In the lines below, count those containing the word "Vault" and give the number alone.

───

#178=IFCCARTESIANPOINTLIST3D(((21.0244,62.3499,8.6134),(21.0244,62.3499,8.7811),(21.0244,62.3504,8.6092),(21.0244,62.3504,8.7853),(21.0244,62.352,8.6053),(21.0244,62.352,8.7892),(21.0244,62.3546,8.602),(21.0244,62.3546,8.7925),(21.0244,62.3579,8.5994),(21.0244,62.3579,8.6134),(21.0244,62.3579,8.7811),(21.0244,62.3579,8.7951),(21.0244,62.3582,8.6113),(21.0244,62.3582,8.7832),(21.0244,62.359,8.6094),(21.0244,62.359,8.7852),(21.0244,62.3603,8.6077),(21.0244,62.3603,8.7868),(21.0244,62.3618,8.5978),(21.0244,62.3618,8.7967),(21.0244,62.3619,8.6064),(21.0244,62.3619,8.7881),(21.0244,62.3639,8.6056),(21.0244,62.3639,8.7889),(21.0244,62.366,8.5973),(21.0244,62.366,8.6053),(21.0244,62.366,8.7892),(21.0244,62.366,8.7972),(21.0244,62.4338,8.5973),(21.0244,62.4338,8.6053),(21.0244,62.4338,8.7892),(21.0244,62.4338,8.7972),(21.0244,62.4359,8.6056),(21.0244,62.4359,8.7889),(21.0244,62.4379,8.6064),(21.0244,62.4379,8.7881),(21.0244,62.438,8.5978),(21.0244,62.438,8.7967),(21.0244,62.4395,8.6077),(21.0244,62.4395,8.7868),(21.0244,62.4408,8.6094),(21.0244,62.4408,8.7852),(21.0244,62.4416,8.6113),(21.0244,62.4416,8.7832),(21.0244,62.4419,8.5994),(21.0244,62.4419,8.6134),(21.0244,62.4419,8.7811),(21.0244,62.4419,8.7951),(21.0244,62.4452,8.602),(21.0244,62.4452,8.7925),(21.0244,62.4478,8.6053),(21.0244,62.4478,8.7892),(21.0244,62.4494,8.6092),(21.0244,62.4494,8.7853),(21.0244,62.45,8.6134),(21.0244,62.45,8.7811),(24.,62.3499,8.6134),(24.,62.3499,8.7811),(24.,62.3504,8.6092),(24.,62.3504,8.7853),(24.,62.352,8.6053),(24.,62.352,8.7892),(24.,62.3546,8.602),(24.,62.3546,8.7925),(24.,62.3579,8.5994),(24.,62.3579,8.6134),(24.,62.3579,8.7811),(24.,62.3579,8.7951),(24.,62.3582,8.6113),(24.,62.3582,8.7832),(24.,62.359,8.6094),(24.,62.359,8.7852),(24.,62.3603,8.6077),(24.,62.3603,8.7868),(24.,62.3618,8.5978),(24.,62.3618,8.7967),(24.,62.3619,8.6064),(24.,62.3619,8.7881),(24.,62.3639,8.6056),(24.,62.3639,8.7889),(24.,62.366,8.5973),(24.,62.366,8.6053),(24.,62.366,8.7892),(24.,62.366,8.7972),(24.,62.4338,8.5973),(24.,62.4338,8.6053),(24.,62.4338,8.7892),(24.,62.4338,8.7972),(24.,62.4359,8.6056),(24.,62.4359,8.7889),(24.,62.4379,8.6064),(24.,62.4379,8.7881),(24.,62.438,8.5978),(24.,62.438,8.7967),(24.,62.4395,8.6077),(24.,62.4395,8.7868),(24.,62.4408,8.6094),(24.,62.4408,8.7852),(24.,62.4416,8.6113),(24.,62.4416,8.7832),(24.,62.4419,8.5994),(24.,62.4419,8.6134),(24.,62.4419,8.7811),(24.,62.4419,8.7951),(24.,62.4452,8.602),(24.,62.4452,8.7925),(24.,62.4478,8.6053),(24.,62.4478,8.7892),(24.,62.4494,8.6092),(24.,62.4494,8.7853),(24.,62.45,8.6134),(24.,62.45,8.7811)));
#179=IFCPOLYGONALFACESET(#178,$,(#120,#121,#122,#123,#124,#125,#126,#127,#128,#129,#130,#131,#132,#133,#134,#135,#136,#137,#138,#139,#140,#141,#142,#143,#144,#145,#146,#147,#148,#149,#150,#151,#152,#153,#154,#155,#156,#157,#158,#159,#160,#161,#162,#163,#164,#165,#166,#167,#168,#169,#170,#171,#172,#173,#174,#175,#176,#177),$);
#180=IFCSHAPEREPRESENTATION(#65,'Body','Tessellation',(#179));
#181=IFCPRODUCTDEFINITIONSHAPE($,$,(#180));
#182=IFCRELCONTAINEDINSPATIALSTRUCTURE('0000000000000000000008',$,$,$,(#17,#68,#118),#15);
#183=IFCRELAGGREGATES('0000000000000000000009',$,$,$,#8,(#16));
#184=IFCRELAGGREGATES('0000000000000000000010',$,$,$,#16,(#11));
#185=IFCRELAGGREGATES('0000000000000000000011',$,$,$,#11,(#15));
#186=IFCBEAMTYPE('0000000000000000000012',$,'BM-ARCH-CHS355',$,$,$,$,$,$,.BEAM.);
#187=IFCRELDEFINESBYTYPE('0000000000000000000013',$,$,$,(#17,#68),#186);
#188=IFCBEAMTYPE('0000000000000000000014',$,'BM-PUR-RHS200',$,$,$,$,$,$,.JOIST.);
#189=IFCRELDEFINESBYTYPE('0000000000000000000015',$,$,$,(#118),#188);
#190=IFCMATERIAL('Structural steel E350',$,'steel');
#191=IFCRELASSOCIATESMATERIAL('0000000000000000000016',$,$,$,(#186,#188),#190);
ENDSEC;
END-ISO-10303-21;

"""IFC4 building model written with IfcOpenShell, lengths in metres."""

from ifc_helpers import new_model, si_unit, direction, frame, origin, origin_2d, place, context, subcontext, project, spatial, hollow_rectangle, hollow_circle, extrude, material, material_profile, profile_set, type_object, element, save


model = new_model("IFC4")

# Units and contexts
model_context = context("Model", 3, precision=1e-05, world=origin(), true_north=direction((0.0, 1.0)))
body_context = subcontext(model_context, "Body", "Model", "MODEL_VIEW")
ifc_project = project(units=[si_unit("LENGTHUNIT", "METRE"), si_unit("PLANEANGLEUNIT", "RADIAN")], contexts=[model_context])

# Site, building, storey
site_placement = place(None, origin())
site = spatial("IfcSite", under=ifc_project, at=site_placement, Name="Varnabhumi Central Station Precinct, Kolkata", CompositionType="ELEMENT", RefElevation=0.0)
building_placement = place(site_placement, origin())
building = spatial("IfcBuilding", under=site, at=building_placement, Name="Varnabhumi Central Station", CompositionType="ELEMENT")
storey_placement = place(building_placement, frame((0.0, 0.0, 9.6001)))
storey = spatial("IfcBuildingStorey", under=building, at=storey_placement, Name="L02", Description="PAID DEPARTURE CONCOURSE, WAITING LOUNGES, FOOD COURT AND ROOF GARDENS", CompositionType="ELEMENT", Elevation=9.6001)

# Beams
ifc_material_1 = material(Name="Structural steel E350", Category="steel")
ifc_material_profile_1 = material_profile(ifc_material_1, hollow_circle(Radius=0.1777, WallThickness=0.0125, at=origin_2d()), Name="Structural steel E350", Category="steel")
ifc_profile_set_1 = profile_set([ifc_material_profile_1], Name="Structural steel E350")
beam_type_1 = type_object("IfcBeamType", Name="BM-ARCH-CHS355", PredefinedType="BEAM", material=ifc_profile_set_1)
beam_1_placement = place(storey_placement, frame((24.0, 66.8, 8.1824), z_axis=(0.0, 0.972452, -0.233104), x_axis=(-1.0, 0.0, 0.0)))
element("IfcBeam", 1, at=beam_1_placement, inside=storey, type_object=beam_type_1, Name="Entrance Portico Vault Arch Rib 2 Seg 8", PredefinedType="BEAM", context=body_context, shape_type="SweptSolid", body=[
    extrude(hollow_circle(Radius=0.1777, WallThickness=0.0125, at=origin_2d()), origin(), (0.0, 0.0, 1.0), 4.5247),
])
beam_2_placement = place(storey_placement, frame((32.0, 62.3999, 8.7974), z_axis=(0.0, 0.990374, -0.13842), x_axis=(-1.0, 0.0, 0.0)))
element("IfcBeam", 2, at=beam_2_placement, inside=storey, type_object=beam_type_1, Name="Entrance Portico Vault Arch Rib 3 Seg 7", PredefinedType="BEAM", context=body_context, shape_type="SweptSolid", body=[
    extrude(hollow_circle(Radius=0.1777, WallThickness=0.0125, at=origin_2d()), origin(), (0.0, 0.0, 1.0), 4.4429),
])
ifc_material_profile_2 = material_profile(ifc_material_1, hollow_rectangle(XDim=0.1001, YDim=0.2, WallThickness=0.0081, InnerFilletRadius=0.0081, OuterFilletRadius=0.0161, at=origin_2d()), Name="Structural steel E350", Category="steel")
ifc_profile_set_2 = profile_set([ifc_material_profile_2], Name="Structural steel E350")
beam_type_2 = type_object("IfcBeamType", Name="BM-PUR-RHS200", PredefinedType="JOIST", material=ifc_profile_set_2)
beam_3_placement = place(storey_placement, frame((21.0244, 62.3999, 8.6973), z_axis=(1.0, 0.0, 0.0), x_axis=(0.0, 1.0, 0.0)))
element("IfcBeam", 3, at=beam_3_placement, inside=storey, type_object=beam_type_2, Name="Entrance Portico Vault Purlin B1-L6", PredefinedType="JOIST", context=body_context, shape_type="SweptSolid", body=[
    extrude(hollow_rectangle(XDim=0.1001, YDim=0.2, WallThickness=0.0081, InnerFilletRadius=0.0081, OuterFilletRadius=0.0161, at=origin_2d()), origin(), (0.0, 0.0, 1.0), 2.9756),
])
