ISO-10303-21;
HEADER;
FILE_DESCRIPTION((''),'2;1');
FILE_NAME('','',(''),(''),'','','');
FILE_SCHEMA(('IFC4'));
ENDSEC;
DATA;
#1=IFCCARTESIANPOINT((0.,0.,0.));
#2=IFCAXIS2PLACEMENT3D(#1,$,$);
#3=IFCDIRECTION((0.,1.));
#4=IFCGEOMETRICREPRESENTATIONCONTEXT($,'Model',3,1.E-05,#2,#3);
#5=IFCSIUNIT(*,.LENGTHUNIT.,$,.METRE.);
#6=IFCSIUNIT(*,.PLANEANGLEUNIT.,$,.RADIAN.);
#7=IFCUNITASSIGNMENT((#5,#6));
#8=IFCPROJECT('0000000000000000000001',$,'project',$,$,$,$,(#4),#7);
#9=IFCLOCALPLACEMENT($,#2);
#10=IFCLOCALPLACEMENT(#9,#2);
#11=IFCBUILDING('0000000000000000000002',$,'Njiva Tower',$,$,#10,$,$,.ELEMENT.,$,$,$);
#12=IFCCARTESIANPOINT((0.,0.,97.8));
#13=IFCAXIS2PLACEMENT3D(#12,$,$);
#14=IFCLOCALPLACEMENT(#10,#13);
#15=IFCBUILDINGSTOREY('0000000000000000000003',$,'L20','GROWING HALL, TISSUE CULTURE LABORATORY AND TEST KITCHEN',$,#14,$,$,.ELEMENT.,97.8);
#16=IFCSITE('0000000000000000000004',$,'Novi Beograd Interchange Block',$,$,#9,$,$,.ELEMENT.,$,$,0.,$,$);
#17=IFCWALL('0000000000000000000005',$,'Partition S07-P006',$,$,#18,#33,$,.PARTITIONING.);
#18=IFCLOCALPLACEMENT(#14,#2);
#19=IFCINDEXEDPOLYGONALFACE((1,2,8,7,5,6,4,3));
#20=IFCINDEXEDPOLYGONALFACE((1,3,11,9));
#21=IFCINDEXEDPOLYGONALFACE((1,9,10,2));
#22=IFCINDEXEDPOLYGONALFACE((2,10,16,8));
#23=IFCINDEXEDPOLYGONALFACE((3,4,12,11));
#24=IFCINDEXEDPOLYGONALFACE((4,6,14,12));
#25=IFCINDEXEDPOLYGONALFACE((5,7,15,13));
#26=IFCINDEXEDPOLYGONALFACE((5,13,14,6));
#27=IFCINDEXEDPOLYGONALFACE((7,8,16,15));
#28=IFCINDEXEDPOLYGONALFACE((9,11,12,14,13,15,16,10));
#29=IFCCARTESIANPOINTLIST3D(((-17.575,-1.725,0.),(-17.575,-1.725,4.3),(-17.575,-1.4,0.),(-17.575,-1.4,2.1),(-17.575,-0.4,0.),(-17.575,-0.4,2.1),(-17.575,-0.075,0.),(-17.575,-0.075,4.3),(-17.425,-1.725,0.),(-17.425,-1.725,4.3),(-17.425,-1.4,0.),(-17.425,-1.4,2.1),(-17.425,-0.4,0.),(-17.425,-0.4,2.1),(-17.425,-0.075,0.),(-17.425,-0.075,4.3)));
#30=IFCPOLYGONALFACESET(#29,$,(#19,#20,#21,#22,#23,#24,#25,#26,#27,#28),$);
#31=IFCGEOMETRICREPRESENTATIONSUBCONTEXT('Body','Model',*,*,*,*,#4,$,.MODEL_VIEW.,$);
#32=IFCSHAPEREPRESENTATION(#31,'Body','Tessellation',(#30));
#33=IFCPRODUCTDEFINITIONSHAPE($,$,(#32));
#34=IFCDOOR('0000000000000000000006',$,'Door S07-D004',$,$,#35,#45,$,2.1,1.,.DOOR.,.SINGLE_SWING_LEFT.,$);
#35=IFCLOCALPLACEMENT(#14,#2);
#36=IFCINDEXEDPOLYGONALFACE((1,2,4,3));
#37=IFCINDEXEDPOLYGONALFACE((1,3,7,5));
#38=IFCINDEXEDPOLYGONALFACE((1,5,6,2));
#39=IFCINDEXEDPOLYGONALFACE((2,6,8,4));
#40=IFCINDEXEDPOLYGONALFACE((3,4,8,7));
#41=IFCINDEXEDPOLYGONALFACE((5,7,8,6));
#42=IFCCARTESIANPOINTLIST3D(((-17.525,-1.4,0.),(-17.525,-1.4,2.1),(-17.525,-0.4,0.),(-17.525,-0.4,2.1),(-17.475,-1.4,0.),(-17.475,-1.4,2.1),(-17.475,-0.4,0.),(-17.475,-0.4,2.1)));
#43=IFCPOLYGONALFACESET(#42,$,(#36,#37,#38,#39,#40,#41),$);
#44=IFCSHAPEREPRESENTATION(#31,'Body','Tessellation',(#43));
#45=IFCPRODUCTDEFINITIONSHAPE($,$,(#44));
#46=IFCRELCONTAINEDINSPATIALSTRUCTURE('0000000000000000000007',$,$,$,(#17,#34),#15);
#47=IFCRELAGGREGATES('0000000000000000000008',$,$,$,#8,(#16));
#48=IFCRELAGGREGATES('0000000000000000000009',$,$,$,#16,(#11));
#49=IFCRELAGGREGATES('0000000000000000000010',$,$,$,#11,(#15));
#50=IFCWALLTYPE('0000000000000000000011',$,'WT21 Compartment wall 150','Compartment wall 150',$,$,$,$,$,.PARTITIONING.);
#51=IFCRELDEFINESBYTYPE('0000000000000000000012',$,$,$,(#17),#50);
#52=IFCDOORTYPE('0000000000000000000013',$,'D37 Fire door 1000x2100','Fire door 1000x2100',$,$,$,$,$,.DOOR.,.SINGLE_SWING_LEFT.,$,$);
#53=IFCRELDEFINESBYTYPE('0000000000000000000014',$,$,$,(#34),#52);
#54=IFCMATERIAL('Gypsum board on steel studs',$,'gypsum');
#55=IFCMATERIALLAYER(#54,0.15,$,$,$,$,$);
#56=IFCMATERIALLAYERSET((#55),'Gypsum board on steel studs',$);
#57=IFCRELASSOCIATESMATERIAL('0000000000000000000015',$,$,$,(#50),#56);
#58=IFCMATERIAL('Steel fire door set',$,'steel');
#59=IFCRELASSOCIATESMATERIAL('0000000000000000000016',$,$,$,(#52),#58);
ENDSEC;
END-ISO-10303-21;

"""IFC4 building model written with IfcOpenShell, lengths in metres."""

from ifc_helpers import new_model, si_unit, direction, frame, frame_2d, origin, place, context, subcontext, project, spatial, rectangle, extrude, material, layer, layer_set, type_object, element, fill, save


model = new_model("IFC4")

# Units and contexts
model_context = context("Model", 3, precision=1e-05, world=origin(), true_north=direction((0.0, 1.0)))
body_context = subcontext(model_context, "Body", "Model", "MODEL_VIEW")
ifc_project = project(units=[si_unit("LENGTHUNIT", "METRE"), si_unit("PLANEANGLEUNIT", "RADIAN")], contexts=[model_context])

# Site, building, storey
site_placement = place(None, origin())
site = spatial("IfcSite", under=ifc_project, at=site_placement, Name="Novi Beograd Interchange Block", CompositionType="ELEMENT", RefElevation=0.0)
building_placement = place(site_placement, origin())
building = spatial("IfcBuilding", under=site, at=building_placement, Name="Njiva Tower", CompositionType="ELEMENT")
storey_placement = place(building_placement, frame((0.0, 0.0, 97.8)))
storey = spatial("IfcBuildingStorey", under=building, at=storey_placement, Name="L20", Description="GROWING HALL, TISSUE CULTURE LABORATORY AND TEST KITCHEN", CompositionType="ELEMENT", Elevation=97.8)

# Shared definitions
ifc_material_1 = material(Name="Gypsum board on steel studs", Category="gypsum")
ifc_layer = layer(ifc_material_1, 0.15)
ifc_layer_set = layer_set([ifc_layer], Name="Gypsum board on steel studs")
wall_type = type_object("IfcWallType", Name="WT21 Compartment wall 150", Description="Compartment wall 150", PredefinedType="PARTITIONING", material=ifc_layer_set)
ifc_material_2 = material(Name="Steel fire door set", Category="steel")
door_type = type_object("IfcDoorType", Name="D37 Fire door 1000x2100", Description="Fire door 1000x2100", OperationType="SINGLE_SWING_LEFT", PredefinedType="DOOR", material=ifc_material_2)

# Wall, opening, door
wall_1_placement = place(storey_placement, frame((-17.5, -1.725, 0.0), z_axis=(0.0, 0.0, 1.0), x_axis=(0.0, 1.0, 0.0)))
wall_1 = element("IfcWall", 1, at=wall_1_placement, inside=storey, type_object=wall_type, Name="Partition S07-P006", PredefinedType="PARTITIONING", context=body_context, shape_type="SweptSolid", body=[
    extrude(rectangle(XDim=1.65, YDim=0.15, at=frame_2d((0.825, 0.0))), origin(), (0.0, 0.0, 1.0), 4.3),
])
opening_1_placement = place(wall_1_placement, frame((0.325, 0.0, 0.0)))
opening_1 = element("IfcOpeningElement", 2, at=opening_1_placement, cuts=wall_1, PredefinedType="OPENING", context=body_context, shape_type="SweptSolid", body=[
    extrude(rectangle(XDim=1.0, YDim=2.1, at=frame_2d((0.5, 1.05))), frame((0.0, 0.085, 0.0), z_axis=(0.0, -1.0, 0.0), x_axis=(1.0, 0.0, 0.0)), (0.0, 0.0, 1.0), 0.17),
])
door_1_placement = place(opening_1_placement, origin())
door_1 = element("IfcDoor", 3, at=door_1_placement, inside=storey, type_object=door_type, Name="Door S07-D004", OperationType="SINGLE_SWING_LEFT", OverallHeight=2.1, OverallWidth=1.0, PredefinedType="DOOR", context=body_context, shape_type="SweptSolid", body=[
    extrude(rectangle(XDim=1.0, YDim=2.1, at=frame_2d((0.5, 1.05))), frame((0.0, 0.025, 0.0), z_axis=(0.0, -1.0, 0.0), x_axis=(1.0, 0.0, 0.0)), (0.0, 0.0, 1.0), 0.05),
])
fill(opening_1, door_1)

save(model, "model.ifc")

───

■ Answer to this problem ■
3